Below are records; how many of their lines contain "RefElevation"? Answer with only the number.

### Stored data entries
--- START ---

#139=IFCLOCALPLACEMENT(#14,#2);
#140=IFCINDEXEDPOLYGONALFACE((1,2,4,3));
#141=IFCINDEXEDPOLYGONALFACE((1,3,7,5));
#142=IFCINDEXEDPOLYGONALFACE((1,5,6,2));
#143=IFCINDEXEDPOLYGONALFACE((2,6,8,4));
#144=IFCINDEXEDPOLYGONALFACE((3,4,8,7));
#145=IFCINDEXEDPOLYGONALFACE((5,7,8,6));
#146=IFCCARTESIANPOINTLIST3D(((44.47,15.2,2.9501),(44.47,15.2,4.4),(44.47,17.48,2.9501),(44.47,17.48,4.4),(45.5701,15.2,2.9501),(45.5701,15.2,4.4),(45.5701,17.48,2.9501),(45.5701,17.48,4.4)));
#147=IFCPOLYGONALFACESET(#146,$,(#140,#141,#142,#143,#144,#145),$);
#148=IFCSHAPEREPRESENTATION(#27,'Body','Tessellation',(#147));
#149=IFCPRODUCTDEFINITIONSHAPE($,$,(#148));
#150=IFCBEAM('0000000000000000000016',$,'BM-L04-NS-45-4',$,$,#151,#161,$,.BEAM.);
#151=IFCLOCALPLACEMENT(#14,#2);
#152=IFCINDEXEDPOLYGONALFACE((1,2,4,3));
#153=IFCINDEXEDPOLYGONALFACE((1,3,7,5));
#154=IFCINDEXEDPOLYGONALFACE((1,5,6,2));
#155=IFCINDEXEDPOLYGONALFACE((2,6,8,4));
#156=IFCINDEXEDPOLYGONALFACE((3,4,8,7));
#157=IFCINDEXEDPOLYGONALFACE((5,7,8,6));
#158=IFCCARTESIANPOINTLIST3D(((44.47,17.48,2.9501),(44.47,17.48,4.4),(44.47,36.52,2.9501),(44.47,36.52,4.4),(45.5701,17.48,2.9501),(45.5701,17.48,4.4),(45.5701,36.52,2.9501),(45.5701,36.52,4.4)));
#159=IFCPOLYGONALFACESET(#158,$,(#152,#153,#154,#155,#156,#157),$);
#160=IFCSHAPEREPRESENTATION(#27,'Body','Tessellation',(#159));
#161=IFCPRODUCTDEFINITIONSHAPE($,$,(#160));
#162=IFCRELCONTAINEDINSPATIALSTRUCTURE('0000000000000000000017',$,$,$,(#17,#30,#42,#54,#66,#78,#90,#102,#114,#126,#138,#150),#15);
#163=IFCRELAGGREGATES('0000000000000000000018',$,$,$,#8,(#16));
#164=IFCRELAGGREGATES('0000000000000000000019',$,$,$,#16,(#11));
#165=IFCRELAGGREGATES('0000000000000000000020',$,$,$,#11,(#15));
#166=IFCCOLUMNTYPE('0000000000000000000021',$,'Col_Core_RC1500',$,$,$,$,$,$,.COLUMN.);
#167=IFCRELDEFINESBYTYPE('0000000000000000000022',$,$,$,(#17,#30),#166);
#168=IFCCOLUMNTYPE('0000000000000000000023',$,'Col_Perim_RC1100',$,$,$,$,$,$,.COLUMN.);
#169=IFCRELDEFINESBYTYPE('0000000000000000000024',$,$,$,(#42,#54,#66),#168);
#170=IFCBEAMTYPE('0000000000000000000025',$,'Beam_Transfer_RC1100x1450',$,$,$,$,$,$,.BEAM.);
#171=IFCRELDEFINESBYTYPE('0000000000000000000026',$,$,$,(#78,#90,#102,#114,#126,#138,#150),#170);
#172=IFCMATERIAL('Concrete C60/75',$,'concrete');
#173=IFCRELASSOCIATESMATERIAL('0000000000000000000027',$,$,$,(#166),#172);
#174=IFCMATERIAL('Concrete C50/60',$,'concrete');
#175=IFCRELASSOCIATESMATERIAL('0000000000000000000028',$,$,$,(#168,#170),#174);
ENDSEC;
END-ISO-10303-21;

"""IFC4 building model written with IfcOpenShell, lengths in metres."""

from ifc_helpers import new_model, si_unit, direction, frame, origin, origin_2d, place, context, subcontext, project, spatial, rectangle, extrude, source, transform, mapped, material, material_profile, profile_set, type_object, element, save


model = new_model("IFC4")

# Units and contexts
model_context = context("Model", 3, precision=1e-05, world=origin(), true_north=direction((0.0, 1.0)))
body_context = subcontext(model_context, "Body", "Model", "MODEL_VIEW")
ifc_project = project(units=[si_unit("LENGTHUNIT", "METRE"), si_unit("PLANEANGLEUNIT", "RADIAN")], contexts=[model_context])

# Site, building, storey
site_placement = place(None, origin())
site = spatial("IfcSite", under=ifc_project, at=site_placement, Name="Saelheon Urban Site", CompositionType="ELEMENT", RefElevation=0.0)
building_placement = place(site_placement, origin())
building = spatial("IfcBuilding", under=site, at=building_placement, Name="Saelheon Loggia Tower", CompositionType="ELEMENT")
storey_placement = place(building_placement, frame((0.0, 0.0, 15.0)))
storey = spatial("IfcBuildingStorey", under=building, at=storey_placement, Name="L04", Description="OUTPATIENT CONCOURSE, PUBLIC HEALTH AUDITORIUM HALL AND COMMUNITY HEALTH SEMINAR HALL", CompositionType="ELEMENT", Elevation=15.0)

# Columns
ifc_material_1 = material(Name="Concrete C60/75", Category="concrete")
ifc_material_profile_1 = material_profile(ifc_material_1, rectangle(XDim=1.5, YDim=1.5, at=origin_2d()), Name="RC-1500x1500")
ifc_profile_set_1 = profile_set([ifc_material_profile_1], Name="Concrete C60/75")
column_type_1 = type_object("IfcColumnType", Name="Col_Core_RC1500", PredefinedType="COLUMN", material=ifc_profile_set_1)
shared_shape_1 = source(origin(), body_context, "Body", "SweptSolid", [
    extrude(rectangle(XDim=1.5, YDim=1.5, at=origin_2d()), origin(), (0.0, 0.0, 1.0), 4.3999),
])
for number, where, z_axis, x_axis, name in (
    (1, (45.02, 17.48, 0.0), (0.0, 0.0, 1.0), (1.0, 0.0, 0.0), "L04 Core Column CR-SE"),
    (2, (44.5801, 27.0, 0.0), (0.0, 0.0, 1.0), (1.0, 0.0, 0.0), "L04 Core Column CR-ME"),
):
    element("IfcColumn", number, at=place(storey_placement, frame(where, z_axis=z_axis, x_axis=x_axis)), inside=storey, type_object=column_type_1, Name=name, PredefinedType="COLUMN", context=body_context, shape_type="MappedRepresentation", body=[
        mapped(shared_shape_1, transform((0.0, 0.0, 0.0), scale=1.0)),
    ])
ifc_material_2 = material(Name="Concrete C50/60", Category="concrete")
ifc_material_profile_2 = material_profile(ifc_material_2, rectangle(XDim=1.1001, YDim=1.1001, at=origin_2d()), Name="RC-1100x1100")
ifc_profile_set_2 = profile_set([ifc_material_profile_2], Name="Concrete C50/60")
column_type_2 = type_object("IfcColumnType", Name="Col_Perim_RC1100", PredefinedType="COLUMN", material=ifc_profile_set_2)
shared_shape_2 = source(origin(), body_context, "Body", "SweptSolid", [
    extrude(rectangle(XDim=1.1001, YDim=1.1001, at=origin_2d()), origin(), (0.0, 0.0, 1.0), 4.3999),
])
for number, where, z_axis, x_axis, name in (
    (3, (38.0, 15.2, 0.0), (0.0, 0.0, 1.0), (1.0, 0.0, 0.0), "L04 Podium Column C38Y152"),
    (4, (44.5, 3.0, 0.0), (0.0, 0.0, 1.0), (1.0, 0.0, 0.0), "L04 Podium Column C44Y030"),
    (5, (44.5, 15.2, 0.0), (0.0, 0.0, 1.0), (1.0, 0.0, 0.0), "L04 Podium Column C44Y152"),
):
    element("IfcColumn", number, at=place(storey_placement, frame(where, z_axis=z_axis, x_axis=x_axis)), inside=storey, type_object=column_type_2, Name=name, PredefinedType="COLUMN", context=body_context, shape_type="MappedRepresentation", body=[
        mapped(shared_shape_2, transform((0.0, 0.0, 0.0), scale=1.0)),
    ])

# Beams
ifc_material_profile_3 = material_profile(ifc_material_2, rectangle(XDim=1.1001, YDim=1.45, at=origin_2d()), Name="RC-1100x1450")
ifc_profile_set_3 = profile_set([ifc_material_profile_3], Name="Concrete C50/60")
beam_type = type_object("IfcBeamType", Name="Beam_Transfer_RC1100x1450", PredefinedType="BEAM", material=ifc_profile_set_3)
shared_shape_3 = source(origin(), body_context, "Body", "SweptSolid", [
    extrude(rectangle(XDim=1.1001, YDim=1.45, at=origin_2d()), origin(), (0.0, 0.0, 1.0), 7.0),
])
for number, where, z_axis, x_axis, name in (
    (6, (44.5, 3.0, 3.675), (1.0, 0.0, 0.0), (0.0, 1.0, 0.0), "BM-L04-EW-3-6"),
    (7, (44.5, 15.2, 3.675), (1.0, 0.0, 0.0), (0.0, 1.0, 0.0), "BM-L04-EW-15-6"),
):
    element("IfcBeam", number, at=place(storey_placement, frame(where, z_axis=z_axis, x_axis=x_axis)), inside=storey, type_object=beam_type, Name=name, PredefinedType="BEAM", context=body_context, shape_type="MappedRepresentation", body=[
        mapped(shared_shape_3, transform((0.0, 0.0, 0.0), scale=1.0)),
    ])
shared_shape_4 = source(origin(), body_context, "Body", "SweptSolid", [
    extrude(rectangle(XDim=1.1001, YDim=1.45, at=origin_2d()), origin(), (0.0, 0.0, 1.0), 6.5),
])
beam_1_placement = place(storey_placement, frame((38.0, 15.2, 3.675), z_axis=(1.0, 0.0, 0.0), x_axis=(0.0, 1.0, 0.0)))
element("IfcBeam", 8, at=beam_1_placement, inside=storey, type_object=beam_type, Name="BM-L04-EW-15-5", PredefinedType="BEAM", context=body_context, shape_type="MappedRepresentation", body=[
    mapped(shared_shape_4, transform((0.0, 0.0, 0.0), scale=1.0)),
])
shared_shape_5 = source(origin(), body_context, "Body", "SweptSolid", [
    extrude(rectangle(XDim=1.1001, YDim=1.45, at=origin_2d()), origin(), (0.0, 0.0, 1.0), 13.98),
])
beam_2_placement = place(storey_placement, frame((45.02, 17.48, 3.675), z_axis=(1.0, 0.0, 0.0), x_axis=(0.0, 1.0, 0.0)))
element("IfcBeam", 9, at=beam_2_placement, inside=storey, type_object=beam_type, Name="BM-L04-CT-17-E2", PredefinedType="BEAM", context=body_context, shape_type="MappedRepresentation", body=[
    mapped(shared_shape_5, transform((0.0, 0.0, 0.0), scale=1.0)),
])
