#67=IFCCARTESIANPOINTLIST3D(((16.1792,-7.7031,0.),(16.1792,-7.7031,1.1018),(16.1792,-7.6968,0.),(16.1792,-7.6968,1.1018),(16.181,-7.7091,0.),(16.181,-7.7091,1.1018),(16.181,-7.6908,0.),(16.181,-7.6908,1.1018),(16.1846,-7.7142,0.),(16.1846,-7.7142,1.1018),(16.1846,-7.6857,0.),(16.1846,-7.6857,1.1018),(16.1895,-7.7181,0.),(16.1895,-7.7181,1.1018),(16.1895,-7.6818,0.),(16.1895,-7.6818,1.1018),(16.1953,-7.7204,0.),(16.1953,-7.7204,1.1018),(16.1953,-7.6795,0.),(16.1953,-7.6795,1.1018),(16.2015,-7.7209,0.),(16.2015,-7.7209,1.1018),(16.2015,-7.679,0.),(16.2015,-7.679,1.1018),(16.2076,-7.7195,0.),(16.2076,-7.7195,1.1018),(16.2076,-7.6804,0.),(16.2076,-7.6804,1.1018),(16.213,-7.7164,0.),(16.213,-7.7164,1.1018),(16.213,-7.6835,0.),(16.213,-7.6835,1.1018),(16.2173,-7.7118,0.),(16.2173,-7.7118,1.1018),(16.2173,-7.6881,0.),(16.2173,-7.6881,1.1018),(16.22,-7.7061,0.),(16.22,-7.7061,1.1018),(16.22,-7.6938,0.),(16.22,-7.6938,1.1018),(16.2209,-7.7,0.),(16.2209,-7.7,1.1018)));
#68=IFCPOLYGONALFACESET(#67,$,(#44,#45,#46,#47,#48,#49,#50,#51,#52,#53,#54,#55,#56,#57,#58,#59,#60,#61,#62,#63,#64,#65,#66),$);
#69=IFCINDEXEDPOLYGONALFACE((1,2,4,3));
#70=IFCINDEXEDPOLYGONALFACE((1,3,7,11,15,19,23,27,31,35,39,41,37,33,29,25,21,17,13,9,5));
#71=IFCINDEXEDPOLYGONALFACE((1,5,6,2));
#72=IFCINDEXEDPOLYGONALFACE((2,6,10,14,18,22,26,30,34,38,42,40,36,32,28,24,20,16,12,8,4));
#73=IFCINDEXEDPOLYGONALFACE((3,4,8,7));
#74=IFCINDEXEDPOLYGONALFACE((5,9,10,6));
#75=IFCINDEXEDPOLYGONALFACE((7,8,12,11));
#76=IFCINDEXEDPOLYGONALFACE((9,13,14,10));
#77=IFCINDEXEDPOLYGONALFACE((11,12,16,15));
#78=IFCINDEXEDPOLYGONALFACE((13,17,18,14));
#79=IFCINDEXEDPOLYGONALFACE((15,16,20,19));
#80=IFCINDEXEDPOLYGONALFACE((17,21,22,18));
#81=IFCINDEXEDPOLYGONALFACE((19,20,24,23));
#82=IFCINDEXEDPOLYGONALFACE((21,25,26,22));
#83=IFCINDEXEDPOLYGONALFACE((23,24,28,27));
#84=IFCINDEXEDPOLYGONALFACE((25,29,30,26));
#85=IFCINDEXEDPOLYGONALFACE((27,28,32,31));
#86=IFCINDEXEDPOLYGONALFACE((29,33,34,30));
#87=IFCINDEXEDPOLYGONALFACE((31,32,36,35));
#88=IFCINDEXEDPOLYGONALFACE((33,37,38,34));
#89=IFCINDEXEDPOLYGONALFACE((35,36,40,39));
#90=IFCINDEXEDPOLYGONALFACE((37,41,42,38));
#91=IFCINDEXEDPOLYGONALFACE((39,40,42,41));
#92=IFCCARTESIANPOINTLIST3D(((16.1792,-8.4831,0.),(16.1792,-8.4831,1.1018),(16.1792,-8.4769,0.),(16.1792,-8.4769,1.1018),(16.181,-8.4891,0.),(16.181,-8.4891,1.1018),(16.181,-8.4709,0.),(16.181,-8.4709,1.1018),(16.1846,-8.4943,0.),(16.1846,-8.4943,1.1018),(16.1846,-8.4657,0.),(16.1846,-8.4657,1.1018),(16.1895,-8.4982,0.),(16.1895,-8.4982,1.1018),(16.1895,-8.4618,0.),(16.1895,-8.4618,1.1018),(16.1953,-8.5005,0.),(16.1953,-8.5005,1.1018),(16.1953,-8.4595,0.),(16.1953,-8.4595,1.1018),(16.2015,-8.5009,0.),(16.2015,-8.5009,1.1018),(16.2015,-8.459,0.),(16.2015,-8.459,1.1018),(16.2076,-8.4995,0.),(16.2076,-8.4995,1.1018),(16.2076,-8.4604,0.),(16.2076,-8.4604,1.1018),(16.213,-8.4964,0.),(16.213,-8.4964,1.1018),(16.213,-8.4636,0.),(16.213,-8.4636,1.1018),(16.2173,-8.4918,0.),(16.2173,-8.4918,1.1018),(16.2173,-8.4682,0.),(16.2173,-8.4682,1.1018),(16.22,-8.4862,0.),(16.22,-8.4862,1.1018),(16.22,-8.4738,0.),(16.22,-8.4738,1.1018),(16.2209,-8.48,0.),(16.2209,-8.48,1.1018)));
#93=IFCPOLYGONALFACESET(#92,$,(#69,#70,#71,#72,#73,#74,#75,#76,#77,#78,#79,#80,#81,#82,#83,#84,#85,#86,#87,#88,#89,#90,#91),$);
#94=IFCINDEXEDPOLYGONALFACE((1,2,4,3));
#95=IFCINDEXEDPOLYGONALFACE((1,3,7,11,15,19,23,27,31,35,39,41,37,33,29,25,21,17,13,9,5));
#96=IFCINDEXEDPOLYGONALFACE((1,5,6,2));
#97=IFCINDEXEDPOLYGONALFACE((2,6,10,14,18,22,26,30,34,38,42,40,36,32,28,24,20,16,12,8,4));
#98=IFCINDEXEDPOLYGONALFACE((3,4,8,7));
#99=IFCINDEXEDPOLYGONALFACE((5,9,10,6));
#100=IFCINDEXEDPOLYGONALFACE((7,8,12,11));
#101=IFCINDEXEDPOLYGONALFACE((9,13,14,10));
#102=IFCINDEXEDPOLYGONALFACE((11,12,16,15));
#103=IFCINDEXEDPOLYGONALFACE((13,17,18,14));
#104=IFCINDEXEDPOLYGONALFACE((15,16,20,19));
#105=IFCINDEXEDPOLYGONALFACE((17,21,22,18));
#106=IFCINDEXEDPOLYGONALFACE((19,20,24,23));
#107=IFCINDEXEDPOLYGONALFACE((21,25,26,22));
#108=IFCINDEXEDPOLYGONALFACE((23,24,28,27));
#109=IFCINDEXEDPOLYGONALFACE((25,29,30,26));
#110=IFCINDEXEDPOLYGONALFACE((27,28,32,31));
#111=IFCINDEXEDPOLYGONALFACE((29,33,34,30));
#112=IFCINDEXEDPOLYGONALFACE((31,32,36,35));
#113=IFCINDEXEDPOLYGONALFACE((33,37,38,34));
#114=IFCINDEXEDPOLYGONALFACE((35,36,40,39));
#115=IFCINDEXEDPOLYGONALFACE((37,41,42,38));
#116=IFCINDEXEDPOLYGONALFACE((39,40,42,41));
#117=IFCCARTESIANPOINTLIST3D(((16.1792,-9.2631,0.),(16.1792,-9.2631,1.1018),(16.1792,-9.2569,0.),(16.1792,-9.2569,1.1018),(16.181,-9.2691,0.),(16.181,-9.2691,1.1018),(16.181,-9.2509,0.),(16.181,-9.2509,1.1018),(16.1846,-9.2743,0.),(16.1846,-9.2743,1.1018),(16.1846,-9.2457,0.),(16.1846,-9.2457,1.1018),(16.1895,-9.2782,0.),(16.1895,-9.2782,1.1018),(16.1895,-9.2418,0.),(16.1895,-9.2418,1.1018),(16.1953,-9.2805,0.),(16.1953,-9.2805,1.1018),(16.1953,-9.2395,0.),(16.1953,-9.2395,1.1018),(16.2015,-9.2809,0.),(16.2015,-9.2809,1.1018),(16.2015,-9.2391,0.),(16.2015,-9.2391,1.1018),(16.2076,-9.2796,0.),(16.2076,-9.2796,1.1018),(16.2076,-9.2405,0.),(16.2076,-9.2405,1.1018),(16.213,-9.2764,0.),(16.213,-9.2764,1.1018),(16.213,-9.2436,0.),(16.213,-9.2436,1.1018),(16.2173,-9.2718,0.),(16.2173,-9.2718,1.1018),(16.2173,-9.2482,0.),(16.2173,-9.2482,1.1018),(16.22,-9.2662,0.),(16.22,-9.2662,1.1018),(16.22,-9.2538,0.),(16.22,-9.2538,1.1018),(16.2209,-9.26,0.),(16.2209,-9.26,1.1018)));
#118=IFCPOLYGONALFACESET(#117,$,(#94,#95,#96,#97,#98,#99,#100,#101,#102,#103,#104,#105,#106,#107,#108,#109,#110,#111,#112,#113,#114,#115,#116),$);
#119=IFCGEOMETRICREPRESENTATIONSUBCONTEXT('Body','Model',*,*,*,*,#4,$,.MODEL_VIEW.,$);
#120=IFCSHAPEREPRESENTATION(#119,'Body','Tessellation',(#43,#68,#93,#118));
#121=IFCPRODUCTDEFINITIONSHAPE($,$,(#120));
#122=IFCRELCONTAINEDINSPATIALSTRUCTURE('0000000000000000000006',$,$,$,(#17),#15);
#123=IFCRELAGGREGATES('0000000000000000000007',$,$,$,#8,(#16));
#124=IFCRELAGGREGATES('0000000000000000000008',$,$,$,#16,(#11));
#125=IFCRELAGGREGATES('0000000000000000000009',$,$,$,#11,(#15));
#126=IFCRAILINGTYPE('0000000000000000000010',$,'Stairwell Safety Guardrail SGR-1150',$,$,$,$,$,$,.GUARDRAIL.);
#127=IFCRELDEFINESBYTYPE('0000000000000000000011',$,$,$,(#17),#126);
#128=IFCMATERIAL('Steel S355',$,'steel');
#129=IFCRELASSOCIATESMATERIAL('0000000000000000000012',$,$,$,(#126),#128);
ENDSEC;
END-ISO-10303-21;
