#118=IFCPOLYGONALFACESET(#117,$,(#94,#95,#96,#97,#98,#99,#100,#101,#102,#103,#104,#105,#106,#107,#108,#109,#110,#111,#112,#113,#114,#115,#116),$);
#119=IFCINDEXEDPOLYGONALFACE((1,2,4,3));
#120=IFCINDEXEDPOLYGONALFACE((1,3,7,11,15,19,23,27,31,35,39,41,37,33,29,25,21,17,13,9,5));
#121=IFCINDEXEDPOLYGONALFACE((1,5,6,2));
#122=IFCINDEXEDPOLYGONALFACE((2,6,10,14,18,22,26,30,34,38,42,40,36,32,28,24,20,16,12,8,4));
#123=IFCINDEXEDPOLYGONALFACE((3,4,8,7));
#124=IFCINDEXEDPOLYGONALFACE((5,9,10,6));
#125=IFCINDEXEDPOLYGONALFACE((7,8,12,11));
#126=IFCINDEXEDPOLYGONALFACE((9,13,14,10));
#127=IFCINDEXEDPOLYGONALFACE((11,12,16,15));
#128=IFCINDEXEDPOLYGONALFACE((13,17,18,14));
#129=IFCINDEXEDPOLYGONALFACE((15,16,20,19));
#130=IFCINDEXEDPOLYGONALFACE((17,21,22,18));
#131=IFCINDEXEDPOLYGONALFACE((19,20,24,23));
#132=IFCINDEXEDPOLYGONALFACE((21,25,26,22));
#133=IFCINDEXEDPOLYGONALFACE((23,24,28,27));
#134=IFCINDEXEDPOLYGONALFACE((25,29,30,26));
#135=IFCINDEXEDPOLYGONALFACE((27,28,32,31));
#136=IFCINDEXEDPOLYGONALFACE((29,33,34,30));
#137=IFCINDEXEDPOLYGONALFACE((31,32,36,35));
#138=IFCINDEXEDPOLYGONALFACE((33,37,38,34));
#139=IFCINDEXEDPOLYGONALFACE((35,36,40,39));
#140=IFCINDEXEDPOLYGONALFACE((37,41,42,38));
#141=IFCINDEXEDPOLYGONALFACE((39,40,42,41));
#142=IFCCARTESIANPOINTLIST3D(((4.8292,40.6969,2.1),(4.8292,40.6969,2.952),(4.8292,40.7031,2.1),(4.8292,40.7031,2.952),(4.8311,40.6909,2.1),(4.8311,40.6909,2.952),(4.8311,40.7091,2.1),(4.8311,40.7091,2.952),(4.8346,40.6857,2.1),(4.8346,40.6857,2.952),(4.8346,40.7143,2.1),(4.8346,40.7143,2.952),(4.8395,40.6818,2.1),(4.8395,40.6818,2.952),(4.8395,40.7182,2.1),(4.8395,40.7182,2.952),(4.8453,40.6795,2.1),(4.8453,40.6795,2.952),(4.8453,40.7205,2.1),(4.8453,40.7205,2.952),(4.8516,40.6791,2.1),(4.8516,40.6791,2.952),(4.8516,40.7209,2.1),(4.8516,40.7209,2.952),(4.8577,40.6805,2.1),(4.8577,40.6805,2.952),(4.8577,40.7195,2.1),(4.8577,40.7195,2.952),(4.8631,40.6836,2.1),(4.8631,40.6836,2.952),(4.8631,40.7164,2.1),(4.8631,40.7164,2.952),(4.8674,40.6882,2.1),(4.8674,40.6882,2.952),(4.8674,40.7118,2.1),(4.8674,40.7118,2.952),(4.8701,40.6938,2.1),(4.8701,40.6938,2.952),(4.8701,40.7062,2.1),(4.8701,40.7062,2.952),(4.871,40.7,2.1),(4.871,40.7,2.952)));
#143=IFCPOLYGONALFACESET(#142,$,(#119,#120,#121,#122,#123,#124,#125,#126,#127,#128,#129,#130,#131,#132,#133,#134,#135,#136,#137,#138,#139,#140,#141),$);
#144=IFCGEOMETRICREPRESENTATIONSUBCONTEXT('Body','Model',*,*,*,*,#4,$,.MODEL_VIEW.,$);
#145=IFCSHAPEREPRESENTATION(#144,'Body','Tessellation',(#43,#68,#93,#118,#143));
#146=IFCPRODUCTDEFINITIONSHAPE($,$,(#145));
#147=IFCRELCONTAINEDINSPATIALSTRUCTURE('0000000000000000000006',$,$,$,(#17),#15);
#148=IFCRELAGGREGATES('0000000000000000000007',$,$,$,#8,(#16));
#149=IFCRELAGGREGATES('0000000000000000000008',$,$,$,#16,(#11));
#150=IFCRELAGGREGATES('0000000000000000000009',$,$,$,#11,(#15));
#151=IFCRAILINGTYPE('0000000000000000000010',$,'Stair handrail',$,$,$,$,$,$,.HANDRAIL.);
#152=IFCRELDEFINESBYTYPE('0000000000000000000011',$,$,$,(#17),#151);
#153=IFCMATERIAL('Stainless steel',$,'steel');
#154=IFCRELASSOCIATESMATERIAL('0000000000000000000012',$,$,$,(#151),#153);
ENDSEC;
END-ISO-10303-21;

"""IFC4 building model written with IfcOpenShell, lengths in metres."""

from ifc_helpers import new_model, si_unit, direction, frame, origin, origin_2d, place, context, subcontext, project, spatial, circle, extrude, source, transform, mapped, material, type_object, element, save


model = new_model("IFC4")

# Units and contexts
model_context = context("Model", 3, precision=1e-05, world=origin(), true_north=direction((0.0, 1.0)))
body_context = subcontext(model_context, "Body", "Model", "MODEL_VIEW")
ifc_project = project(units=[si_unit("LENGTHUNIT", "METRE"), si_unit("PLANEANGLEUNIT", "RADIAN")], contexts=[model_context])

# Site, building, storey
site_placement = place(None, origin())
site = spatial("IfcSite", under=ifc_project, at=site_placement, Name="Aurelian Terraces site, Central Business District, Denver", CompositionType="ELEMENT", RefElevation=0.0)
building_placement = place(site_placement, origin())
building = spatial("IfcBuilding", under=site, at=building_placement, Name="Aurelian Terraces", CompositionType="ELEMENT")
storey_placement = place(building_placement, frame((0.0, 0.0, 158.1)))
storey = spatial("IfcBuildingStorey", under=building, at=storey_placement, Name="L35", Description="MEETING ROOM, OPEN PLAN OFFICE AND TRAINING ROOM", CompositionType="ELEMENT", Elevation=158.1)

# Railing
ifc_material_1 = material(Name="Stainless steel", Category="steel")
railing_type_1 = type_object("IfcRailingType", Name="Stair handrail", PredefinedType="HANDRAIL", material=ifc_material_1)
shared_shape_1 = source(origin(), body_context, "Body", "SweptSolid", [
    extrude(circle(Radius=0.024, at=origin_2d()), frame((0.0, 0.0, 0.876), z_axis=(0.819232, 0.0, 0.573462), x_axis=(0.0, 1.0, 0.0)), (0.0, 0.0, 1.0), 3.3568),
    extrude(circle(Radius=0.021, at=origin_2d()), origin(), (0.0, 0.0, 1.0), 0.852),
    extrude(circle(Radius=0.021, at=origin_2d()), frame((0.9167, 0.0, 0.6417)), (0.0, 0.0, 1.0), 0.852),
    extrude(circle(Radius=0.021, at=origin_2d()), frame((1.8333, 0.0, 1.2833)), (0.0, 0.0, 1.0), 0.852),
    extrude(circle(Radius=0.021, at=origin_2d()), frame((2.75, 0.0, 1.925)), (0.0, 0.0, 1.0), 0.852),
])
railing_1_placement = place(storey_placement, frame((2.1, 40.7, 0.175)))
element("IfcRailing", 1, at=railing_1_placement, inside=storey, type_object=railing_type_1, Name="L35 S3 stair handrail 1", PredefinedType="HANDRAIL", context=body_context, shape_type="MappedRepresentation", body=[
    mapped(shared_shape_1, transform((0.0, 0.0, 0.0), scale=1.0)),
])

--- END ---

### SOLUTION TO THIS TASK
2